## Exercise
There is material below. Print exactly the lines starting at the line with "#132=IFCINDEXEDPOLYGONALFACE((21,25,26,22));" and ending at the line with "#141=IFCINDEXEDPOLYGONALFACE((39,40,42,41));", ends included, and no others.

## Exercise material

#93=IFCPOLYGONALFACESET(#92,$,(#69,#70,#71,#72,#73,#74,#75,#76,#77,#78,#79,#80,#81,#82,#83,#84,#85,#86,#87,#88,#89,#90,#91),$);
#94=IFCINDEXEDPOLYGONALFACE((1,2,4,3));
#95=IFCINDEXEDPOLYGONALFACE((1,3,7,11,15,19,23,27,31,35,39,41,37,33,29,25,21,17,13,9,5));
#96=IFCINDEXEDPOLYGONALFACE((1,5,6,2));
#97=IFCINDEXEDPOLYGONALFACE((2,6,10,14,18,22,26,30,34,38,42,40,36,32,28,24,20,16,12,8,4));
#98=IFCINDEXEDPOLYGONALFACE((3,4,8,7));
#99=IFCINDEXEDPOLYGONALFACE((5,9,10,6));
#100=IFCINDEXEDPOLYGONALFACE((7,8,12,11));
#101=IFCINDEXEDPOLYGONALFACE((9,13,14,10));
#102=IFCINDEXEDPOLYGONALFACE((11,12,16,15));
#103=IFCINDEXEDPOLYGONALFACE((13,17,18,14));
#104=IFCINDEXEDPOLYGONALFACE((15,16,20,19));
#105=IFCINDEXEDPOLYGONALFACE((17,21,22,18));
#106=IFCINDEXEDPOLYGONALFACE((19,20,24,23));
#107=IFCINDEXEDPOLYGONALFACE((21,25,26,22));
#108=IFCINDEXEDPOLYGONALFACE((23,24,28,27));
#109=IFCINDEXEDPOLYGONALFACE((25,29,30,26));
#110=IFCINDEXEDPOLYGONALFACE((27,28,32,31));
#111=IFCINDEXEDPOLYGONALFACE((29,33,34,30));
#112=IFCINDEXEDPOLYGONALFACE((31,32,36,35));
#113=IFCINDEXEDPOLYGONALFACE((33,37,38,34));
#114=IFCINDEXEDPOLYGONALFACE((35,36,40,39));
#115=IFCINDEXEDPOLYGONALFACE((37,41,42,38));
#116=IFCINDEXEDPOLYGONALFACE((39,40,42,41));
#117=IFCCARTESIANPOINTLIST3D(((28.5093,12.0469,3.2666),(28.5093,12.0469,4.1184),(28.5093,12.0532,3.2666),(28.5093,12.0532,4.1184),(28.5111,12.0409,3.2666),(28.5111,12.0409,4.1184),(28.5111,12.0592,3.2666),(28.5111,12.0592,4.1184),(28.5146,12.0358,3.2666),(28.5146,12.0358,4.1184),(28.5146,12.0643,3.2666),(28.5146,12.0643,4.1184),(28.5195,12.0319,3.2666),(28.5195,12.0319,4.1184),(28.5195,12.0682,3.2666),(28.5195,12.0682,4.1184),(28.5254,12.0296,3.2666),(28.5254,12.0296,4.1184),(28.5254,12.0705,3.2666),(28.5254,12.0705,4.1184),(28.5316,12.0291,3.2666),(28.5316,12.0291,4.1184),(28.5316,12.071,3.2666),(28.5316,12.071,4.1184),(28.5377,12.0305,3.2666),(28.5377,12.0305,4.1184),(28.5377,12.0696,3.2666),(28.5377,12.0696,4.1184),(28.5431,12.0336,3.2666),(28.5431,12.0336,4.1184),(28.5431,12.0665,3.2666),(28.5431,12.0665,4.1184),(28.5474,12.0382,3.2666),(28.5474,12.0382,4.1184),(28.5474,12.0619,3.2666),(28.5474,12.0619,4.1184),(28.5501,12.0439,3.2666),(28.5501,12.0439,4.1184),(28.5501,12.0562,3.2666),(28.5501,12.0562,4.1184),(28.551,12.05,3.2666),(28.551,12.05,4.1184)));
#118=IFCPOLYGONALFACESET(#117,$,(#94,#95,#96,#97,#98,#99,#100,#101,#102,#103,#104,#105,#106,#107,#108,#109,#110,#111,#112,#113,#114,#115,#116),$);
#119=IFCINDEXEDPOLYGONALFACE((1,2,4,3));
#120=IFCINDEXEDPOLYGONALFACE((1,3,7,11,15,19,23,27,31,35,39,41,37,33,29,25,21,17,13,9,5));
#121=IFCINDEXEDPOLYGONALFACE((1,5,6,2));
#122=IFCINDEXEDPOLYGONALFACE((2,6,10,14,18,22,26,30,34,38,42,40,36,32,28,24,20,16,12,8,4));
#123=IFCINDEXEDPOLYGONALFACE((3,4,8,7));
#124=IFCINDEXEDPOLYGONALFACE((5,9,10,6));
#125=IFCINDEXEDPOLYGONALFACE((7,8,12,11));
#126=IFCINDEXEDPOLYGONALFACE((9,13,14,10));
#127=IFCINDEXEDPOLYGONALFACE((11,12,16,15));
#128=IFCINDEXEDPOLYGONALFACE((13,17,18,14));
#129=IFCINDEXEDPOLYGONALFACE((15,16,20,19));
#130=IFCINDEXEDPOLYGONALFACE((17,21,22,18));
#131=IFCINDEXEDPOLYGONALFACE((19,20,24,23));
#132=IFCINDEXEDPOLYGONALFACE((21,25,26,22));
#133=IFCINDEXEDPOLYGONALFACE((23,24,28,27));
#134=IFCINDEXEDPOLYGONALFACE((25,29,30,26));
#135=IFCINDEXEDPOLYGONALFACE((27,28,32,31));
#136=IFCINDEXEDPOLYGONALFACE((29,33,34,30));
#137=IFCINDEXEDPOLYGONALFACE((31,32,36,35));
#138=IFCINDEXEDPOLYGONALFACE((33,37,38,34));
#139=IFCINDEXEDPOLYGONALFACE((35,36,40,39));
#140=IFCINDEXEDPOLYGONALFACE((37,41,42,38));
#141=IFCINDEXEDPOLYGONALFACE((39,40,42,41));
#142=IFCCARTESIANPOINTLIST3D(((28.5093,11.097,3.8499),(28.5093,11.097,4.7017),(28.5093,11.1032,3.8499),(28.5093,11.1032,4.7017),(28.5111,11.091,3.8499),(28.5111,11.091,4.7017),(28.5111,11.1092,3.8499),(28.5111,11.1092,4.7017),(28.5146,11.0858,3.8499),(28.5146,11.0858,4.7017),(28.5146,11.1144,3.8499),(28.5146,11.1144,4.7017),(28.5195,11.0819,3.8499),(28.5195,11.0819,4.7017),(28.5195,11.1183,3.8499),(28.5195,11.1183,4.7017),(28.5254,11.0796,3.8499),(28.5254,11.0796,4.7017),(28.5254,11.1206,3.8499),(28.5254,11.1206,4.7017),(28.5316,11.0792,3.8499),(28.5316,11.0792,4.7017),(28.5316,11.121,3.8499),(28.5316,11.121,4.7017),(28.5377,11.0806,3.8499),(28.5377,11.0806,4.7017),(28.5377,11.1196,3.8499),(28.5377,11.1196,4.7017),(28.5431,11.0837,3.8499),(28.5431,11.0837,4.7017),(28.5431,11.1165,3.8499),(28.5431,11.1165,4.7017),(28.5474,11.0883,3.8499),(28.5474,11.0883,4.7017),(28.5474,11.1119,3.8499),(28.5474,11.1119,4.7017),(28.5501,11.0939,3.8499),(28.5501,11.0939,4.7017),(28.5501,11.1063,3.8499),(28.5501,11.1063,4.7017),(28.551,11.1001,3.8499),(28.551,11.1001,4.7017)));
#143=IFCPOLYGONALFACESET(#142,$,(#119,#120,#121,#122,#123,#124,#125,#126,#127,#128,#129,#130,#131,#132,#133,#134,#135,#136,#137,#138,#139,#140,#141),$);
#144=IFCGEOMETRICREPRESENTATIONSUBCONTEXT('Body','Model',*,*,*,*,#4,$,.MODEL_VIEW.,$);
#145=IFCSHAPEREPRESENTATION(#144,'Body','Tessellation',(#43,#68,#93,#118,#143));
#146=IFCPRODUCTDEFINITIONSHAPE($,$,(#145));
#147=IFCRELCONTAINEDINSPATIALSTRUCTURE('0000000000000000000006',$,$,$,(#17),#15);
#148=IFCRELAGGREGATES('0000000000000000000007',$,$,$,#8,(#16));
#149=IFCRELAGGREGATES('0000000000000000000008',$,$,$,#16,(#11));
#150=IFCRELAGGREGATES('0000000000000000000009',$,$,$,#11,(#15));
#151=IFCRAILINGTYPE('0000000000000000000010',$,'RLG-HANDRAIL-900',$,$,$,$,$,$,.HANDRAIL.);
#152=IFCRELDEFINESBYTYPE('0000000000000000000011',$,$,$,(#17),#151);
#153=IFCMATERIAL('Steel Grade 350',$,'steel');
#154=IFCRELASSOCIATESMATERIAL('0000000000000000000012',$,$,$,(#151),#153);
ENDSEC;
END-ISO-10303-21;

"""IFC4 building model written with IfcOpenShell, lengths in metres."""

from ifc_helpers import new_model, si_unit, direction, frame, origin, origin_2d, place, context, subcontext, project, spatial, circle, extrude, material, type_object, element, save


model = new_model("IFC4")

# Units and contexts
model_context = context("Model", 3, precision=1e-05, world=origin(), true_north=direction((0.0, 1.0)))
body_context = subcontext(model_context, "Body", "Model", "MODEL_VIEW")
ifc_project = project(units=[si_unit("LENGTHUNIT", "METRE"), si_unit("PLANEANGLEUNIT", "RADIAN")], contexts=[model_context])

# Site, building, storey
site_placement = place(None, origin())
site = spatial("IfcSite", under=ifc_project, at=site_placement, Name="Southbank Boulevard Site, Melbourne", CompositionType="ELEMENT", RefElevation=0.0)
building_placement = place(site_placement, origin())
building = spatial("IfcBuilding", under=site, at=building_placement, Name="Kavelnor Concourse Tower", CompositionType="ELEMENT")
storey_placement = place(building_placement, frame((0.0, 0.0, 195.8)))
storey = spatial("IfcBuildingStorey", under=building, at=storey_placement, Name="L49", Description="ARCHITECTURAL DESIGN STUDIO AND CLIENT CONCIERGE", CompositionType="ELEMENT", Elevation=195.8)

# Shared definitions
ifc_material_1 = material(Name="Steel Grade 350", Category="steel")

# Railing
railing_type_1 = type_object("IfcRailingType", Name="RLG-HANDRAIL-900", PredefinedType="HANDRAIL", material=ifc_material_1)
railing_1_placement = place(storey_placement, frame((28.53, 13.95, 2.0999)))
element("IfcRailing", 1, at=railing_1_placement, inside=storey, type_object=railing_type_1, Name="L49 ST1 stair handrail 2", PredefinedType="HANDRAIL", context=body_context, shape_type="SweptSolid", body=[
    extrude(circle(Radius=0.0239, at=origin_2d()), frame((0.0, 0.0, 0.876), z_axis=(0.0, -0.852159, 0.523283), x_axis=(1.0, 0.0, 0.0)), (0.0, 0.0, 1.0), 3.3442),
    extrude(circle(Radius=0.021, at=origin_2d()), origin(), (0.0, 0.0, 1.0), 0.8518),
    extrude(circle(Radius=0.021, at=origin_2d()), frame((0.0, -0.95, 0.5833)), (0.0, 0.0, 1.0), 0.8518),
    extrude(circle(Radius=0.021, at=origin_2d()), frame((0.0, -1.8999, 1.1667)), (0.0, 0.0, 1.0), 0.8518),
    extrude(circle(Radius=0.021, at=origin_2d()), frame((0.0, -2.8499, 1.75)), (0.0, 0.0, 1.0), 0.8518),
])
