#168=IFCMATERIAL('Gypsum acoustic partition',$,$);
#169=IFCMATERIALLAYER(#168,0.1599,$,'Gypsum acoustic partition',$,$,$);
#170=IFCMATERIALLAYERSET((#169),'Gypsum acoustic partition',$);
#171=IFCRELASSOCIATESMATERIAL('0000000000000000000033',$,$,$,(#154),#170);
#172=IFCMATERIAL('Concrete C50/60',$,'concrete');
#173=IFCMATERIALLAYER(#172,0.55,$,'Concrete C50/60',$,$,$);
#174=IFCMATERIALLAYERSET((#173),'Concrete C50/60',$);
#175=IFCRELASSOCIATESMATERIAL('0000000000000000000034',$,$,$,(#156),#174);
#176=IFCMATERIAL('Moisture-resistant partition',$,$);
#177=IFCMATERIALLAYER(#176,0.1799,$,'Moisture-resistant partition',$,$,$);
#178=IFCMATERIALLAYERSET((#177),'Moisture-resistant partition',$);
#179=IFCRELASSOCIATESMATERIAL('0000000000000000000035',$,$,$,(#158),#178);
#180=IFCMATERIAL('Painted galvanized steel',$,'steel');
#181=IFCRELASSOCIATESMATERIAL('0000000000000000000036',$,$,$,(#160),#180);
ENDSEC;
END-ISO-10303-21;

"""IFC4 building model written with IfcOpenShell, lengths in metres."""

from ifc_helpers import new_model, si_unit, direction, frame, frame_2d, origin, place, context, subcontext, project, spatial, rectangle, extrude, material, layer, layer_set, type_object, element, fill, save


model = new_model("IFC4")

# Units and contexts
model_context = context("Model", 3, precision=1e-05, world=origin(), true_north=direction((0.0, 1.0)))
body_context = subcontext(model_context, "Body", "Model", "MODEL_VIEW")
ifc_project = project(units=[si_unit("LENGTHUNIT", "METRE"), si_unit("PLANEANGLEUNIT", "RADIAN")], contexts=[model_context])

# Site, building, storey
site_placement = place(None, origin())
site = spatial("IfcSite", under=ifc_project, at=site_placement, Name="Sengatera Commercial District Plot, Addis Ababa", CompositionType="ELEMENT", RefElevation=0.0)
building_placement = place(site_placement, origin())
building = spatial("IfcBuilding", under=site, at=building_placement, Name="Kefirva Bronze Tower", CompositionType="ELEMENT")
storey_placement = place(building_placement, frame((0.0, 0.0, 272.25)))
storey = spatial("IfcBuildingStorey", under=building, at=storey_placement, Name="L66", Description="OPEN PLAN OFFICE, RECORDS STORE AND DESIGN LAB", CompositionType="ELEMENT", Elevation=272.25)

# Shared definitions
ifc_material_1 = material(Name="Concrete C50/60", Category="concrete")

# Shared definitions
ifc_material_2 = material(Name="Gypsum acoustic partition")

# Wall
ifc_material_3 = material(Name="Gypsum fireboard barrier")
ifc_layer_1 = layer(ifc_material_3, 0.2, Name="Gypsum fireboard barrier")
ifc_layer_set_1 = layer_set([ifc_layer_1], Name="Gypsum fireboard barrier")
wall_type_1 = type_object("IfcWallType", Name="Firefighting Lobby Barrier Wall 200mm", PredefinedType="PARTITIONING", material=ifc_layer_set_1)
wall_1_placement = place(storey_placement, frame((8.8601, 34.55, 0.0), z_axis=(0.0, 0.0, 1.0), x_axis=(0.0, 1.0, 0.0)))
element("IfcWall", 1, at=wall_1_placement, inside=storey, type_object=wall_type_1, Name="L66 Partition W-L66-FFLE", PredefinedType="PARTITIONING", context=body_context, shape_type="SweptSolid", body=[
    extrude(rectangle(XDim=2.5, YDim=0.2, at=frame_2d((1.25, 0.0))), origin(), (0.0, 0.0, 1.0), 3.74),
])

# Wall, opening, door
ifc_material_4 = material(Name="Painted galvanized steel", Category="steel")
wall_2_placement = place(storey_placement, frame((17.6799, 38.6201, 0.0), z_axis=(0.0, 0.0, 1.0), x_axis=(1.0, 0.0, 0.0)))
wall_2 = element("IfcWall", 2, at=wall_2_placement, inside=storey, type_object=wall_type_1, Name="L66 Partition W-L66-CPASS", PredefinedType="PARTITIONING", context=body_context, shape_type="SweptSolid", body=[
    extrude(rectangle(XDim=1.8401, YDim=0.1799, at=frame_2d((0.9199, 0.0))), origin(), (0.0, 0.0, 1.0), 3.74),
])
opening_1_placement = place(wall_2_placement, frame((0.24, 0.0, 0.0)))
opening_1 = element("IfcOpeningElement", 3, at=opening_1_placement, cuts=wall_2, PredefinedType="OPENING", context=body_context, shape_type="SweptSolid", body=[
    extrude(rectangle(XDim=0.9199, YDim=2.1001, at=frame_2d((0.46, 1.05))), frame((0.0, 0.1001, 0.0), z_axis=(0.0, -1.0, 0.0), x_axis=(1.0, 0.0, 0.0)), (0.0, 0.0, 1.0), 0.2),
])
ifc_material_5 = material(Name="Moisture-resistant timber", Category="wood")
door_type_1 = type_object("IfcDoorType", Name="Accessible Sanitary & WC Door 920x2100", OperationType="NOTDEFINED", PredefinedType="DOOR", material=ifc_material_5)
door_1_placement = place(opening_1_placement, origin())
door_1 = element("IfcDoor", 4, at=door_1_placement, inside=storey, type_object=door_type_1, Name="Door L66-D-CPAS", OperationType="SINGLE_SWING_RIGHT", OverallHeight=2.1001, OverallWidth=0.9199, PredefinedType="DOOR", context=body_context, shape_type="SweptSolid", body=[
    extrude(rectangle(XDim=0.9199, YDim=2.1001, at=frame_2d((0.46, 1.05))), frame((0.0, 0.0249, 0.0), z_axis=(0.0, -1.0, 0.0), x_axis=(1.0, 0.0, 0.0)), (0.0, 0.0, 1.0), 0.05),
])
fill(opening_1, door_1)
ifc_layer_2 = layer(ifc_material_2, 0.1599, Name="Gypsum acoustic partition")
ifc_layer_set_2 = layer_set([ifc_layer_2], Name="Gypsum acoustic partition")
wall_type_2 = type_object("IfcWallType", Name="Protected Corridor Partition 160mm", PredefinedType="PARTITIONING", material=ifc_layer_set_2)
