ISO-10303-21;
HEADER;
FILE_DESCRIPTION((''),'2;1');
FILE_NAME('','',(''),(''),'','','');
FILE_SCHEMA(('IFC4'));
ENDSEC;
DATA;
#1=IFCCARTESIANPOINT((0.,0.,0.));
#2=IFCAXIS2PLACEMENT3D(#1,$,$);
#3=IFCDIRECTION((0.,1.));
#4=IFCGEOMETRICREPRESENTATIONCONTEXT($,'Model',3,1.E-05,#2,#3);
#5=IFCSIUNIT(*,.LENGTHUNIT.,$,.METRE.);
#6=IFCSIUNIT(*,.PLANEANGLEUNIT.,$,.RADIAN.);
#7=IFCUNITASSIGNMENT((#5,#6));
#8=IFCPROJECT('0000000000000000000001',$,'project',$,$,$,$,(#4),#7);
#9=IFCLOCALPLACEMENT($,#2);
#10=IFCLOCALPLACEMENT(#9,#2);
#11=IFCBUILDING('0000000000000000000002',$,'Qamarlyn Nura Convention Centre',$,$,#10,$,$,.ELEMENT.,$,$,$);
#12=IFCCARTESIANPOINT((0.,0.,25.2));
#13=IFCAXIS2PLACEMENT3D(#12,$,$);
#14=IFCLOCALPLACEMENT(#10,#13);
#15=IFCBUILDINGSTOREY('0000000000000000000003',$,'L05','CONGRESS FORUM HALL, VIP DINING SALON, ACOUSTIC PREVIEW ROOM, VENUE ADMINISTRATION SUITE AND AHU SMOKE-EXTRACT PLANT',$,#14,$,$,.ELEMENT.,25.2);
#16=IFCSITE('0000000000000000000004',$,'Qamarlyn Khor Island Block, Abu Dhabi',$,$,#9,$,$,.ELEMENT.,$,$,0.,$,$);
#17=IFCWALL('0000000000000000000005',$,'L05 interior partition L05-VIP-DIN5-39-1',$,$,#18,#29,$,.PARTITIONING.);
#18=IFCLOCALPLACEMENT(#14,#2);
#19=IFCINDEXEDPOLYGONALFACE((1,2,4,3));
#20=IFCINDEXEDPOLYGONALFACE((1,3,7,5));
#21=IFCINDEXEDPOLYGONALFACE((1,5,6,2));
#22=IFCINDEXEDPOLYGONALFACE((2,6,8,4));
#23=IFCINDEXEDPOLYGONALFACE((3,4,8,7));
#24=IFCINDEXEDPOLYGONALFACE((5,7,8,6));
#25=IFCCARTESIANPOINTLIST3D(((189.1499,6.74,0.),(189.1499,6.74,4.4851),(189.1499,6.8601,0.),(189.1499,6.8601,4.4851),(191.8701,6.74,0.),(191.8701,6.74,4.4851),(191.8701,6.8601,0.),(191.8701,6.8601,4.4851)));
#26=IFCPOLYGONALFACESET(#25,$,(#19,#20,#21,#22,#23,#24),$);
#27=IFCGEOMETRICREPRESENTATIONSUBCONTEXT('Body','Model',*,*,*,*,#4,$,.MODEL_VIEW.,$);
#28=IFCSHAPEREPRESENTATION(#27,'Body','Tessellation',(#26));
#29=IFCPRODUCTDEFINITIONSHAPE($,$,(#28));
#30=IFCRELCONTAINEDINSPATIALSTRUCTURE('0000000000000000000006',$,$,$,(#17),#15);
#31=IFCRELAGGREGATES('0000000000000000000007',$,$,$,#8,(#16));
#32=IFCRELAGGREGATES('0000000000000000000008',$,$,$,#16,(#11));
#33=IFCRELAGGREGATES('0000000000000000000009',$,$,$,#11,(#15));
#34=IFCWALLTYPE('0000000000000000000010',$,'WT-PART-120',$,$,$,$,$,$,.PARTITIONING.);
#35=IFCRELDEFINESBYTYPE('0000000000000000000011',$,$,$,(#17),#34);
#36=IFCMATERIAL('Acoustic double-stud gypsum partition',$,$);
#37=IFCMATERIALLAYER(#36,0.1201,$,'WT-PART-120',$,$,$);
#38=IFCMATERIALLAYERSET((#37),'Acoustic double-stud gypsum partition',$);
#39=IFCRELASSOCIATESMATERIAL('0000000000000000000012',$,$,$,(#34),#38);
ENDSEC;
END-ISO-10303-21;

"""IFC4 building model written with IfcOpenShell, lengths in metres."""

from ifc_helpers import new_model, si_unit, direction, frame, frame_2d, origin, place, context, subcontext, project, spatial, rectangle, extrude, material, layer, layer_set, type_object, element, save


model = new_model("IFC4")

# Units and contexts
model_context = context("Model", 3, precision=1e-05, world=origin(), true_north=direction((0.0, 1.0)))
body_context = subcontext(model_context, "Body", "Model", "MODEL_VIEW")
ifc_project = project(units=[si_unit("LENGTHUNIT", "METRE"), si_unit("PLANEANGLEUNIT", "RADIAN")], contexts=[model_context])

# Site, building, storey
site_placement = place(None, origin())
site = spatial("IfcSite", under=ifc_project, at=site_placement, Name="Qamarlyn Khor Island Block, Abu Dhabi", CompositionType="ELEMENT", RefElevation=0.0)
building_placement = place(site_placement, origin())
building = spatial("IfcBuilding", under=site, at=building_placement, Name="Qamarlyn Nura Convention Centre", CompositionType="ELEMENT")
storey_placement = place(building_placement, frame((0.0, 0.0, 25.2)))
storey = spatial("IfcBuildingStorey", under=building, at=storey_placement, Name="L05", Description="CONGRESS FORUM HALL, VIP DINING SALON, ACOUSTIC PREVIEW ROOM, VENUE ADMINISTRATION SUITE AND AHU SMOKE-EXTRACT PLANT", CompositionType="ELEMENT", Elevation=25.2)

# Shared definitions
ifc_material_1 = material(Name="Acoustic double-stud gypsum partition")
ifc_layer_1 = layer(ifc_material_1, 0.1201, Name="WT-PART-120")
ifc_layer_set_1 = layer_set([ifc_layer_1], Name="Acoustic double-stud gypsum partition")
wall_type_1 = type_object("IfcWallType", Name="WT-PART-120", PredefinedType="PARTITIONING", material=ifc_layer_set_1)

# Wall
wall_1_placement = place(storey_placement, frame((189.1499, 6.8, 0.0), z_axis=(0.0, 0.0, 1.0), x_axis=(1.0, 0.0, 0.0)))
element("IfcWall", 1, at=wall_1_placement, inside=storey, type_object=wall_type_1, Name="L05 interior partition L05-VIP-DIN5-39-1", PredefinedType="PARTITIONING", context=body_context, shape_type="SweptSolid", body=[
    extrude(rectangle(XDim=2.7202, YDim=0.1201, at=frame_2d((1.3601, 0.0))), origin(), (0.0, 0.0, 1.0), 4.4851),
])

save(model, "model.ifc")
* * *
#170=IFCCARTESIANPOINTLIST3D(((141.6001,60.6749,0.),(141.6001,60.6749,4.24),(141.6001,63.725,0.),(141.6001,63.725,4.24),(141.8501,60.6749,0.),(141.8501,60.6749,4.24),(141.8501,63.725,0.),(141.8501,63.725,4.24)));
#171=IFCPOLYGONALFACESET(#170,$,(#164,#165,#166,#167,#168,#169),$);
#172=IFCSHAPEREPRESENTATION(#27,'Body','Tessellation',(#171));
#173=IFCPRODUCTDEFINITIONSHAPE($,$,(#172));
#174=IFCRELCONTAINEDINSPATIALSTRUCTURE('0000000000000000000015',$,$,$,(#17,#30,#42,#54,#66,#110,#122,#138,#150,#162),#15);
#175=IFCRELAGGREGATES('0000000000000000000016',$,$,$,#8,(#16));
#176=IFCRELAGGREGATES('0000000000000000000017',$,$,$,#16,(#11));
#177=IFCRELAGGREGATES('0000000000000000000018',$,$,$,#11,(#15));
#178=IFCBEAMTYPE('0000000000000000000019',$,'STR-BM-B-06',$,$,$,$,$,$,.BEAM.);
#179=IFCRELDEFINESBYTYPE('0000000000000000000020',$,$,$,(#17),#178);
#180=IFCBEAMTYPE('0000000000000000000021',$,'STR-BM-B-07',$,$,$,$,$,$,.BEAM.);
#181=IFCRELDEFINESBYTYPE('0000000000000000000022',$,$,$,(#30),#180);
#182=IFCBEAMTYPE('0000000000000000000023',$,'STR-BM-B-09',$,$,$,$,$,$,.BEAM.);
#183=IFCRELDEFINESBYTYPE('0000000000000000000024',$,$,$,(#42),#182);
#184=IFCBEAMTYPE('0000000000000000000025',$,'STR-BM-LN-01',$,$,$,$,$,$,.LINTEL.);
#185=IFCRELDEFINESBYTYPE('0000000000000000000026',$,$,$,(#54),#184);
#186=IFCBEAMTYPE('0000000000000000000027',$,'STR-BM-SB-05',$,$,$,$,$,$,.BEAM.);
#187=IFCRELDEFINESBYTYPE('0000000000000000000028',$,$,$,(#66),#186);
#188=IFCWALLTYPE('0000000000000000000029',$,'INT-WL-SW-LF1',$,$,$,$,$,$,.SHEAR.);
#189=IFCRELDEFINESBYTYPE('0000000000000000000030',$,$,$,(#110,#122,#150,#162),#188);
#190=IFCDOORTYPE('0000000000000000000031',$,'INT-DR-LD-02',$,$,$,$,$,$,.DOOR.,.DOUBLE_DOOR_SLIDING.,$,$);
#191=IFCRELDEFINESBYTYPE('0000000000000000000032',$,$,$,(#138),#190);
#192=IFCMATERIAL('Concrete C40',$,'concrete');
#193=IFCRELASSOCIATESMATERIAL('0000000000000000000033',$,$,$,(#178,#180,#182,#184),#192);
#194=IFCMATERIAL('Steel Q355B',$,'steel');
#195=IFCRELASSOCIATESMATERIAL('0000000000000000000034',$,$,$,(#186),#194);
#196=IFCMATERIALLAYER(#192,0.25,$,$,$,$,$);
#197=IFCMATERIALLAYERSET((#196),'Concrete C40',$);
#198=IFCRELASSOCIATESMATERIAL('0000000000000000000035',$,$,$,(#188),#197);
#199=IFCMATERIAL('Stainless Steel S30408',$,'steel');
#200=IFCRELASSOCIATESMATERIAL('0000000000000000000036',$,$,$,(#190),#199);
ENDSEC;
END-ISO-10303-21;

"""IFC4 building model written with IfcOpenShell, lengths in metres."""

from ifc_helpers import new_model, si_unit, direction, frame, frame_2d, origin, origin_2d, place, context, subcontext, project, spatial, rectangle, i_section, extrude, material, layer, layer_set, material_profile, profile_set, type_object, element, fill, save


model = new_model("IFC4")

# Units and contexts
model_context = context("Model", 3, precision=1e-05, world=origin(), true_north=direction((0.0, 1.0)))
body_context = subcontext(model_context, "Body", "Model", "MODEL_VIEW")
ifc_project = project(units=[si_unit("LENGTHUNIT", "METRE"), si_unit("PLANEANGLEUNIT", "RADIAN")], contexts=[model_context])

## Task response
#132=IFCINDEXEDPOLYGONALFACE((21,25,26,22));
#133=IFCINDEXEDPOLYGONALFACE((23,24,28,27));
#134=IFCINDEXEDPOLYGONALFACE((25,29,30,26));
#135=IFCINDEXEDPOLYGONALFACE((27,28,32,31));
#136=IFCINDEXEDPOLYGONALFACE((29,33,34,30));
#137=IFCINDEXEDPOLYGONALFACE((31,32,36,35));
#138=IFCINDEXEDPOLYGONALFACE((33,37,38,34));
#139=IFCINDEXEDPOLYGONALFACE((35,36,40,39));
#140=IFCINDEXEDPOLYGONALFACE((37,41,42,38));
#141=IFCINDEXEDPOLYGONALFACE((39,40,42,41));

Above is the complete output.